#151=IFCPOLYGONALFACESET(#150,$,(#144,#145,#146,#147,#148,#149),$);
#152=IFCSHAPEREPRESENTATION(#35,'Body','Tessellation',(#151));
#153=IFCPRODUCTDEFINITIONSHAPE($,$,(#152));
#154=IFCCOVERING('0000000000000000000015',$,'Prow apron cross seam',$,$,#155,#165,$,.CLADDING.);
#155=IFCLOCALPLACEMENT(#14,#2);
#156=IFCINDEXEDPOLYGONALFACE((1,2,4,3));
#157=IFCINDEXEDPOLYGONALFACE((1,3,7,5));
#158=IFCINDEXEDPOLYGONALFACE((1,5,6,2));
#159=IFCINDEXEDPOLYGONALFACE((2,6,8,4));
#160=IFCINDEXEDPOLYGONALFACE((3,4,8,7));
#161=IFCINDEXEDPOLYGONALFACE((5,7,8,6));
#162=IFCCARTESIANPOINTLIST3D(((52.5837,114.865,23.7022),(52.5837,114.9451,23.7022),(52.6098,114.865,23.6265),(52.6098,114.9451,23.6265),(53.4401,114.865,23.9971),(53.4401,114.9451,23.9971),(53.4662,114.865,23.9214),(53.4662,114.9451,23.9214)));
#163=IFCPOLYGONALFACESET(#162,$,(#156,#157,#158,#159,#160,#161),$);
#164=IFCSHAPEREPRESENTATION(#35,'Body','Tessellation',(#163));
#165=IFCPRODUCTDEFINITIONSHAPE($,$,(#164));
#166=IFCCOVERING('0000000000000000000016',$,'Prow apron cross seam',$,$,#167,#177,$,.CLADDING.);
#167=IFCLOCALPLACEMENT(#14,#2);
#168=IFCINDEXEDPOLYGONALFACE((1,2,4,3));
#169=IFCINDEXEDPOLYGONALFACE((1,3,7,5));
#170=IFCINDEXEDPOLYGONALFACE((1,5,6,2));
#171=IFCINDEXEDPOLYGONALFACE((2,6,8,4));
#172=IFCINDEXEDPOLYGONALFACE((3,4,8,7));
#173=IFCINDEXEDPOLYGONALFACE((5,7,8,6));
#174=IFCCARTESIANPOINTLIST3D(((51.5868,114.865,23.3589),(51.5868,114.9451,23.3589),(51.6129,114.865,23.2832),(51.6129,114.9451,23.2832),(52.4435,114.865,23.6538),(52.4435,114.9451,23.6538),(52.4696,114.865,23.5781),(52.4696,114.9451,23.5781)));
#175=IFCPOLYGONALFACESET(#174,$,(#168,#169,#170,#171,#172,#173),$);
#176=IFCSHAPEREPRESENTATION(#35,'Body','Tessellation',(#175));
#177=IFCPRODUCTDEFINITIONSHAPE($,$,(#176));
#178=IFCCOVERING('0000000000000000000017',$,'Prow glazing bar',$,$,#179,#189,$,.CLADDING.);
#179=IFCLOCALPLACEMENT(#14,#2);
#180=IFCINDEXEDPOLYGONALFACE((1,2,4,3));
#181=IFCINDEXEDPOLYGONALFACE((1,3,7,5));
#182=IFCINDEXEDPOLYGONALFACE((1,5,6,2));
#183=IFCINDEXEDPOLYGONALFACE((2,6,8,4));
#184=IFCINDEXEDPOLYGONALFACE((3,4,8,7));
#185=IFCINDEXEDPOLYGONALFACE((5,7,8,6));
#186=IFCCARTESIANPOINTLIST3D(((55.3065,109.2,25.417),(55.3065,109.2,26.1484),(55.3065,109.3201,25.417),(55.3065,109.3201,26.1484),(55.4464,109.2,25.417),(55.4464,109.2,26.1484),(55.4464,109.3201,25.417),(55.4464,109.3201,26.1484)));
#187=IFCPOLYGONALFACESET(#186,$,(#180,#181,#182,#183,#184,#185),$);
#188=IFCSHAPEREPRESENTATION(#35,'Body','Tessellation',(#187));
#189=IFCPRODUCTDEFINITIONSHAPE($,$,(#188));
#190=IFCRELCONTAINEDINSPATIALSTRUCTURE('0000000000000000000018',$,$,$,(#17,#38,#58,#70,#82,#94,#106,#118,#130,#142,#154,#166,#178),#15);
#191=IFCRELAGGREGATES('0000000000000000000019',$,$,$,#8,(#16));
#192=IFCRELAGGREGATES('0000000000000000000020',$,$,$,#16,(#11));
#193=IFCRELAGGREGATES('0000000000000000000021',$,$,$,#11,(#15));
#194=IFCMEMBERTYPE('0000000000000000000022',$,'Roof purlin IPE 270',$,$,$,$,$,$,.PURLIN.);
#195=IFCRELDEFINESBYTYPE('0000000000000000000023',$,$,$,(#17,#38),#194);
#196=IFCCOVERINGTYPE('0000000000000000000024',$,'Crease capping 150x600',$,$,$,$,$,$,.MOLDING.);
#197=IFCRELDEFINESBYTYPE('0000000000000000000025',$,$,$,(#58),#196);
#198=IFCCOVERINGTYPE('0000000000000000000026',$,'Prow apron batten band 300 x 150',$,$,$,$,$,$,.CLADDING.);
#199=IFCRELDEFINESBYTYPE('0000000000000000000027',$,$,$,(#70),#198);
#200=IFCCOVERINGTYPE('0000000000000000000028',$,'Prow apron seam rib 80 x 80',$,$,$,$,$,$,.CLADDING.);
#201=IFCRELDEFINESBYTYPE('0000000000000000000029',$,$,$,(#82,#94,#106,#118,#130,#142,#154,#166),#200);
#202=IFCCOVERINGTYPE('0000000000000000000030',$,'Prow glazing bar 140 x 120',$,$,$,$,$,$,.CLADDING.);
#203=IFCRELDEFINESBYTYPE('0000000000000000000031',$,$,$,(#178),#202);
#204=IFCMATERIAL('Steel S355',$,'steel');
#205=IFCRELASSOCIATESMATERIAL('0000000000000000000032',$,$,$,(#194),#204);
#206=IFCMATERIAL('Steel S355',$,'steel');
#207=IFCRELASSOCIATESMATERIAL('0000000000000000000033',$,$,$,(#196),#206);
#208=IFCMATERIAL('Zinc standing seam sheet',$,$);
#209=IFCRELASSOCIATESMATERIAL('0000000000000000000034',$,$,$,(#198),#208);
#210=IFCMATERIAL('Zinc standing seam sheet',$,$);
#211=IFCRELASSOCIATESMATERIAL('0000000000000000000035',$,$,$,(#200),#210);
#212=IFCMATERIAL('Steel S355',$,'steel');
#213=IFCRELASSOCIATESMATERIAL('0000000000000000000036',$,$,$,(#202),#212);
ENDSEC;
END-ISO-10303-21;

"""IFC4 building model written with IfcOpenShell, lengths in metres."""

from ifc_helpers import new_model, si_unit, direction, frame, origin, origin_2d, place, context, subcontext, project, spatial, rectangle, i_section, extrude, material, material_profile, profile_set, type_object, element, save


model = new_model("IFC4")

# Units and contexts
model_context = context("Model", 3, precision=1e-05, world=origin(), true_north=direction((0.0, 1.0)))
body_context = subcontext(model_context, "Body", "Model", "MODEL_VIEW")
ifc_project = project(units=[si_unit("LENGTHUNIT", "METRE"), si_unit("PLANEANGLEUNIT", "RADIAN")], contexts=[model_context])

****************************************

▸ Brief: The material is to be written out again in full, with no word altered.

▸ Answer to the problem:
#151=IFCPOLYGONALFACESET(#150,$,(#144,#145,#146,#147,#148,#149),$);
#152=IFCSHAPEREPRESENTATION(#35,'Body','Tessellation',(#151));
#153=IFCPRODUCTDEFINITIONSHAPE($,$,(#152));
#154=IFCCOVERING('0000000000000000000015',$,'Prow apron cross seam',$,$,#155,#165,$,.CLADDING.);
#155=IFCLOCALPLACEMENT(#14,#2);
#156=IFCINDEXEDPOLYGONALFACE((1,2,4,3));
#157=IFCINDEXEDPOLYGONALFACE((1,3,7,5));
#158=IFCINDEXEDPOLYGONALFACE((1,5,6,2));
#159=IFCINDEXEDPOLYGONALFACE((2,6,8,4));
#160=IFCINDEXEDPOLYGONALFACE((3,4,8,7));
#161=IFCINDEXEDPOLYGONALFACE((5,7,8,6));
#162=IFCCARTESIANPOINTLIST3D(((52.5837,114.865,23.7022),(52.5837,114.9451,23.7022),(52.6098,114.865,23.6265),(52.6098,114.9451,23.6265),(53.4401,114.865,23.9971),(53.4401,114.9451,23.9971),(53.4662,114.865,23.9214),(53.4662,114.9451,23.9214)));
#163=IFCPOLYGONALFACESET(#162,$,(#156,#157,#158,#159,#160,#161),$);
#164=IFCSHAPEREPRESENTATION(#35,'Body','Tessellation',(#163));
#165=IFCPRODUCTDEFINITIONSHAPE($,$,(#164));
#166=IFCCOVERING('0000000000000000000016',$,'Prow apron cross seam',$,$,#167,#177,$,.CLADDING.);
#167=IFCLOCALPLACEMENT(#14,#2);
#168=IFCINDEXEDPOLYGONALFACE((1,2,4,3));
#169=IFCINDEXEDPOLYGONALFACE((1,3,7,5));
#170=IFCINDEXEDPOLYGONALFACE((1,5,6,2));
#171=IFCINDEXEDPOLYGONALFACE((2,6,8,4));
#172=IFCINDEXEDPOLYGONALFACE((3,4,8,7));
#173=IFCINDEXEDPOLYGONALFACE((5,7,8,6));
#174=IFCCARTESIANPOINTLIST3D(((51.5868,114.865,23.3589),(51.5868,114.9451,23.3589),(51.6129,114.865,23.2832),(51.6129,114.9451,23.2832),(52.4435,114.865,23.6538),(52.4435,114.9451,23.6538),(52.4696,114.865,23.5781),(52.4696,114.9451,23.5781)));
#175=IFCPOLYGONALFACESET(#174,$,(#168,#169,#170,#171,#172,#173),$);
#176=IFCSHAPEREPRESENTATION(#35,'Body','Tessellation',(#175));
#177=IFCPRODUCTDEFINITIONSHAPE($,$,(#176));
#178=IFCCOVERING('0000000000000000000017',$,'Prow glazing bar',$,$,#179,#189,$,.CLADDING.);
#179=IFCLOCALPLACEMENT(#14,#2);
#180=IFCINDEXEDPOLYGONALFACE((1,2,4,3));
#181=IFCINDEXEDPOLYGONALFACE((1,3,7,5));
#182=IFCINDEXEDPOLYGONALFACE((1,5,6,2));
#183=IFCINDEXEDPOLYGONALFACE((2,6,8,4));
#184=IFCINDEXEDPOLYGONALFACE((3,4,8,7));
#185=IFCINDEXEDPOLYGONALFACE((5,7,8,6));
#186=IFCCARTESIANPOINTLIST3D(((55.3065,109.2,25.417),(55.3065,109.2,26.1484),(55.3065,109.3201,25.417),(55.3065,109.3201,26.1484),(55.4464,109.2,25.417),(55.4464,109.2,26.1484),(55.4464,109.3201,25.417),(55.4464,109.3201,26.1484)));
#187=IFCPOLYGONALFACESET(#186,$,(#180,#181,#182,#183,#184,#185),$);
#188=IFCSHAPEREPRESENTATION(#35,'Body','Tessellation',(#187));
#189=IFCPRODUCTDEFINITIONSHAPE($,$,(#188));
#190=IFCRELCONTAINEDINSPATIALSTRUCTURE('0000000000000000000018',$,$,$,(#17,#38,#58,#70,#82,#94,#106,#118,#130,#142,#154,#166,#178),#15);
#191=IFCRELAGGREGATES('0000000000000000000019',$,$,$,#8,(#16));
#192=IFCRELAGGREGATES('0000000000000000000020',$,$,$,#16,(#11));
#193=IFCRELAGGREGATES('0000000000000000000021',$,$,$,#11,(#15));
#194=IFCMEMBERTYPE('0000000000000000000022',$,'Roof purlin IPE 270',$,$,$,$,$,$,.PURLIN.);
#195=IFCRELDEFINESBYTYPE('0000000000000000000023',$,$,$,(#17,#38),#194);
#196=IFCCOVERINGTYPE('0000000000000000000024',$,'Crease capping 150x600',$,$,$,$,$,$,.MOLDING.);
#197=IFCRELDEFINESBYTYPE('0000000000000000000025',$,$,$,(#58),#196);
#198=IFCCOVERINGTYPE('0000000000000000000026',$,'Prow apron batten band 300 x 150',$,$,$,$,$,$,.CLADDING.);
#199=IFCRELDEFINESBYTYPE('0000000000000000000027',$,$,$,(#70),#198);
#200=IFCCOVERINGTYPE('0000000000000000000028',$,'Prow apron seam rib 80 x 80',$,$,$,$,$,$,.CLADDING.);
#201=IFCRELDEFINESBYTYPE('0000000000000000000029',$,$,$,(#82,#94,#106,#118,#130,#142,#154,#166),#200);
#202=IFCCOVERINGTYPE('0000000000000000000030',$,'Prow glazing bar 140 x 120',$,$,$,$,$,$,.CLADDING.);
#203=IFCRELDEFINESBYTYPE('0000000000000000000031',$,$,$,(#178),#202);
#204=IFCMATERIAL('Steel S355',$,'steel');
#205=IFCRELASSOCIATESMATERIAL('0000000000000000000032',$,$,$,(#194),#204);
#206=IFCMATERIAL('Steel S355',$,'steel');
#207=IFCRELASSOCIATESMATERIAL('0000000000000000000033',$,$,$,(#196),#206);
#208=IFCMATERIAL('Zinc standing seam sheet',$,$);
#209=IFCRELASSOCIATESMATERIAL('0000000000000000000034',$,$,$,(#198),#208);
#210=IFCMATERIAL('Zinc standing seam sheet',$,$);
#211=IFCRELASSOCIATESMATERIAL('0000000000000000000035',$,$,$,(#200),#210);
#212=IFCMATERIAL('Steel S355',$,'steel');
#213=IFCRELASSOCIATESMATERIAL('0000000000000000000036',$,$,$,(#202),#212);
ENDSEC;
END-ISO-10303-21;

"""IFC4 building model written with IfcOpenShell, lengths in metres."""

from ifc_helpers import new_model, si_unit, direction, frame, origin, origin_2d, place, context, subcontext, project, spatial, rectangle, i_section, extrude, material, material_profile, profile_set, type_object, element, save


model = new_model("IFC4")

# Units and contexts
model_context = context("Model", 3, precision=1e-05, world=origin(), true_north=direction((0.0, 1.0)))
body_context = subcontext(model_context, "Body", "Model", "MODEL_VIEW")
ifc_project = project(units=[si_unit("LENGTHUNIT", "METRE"), si_unit("PLANEANGLEUNIT", "RADIAN")], contexts=[model_context])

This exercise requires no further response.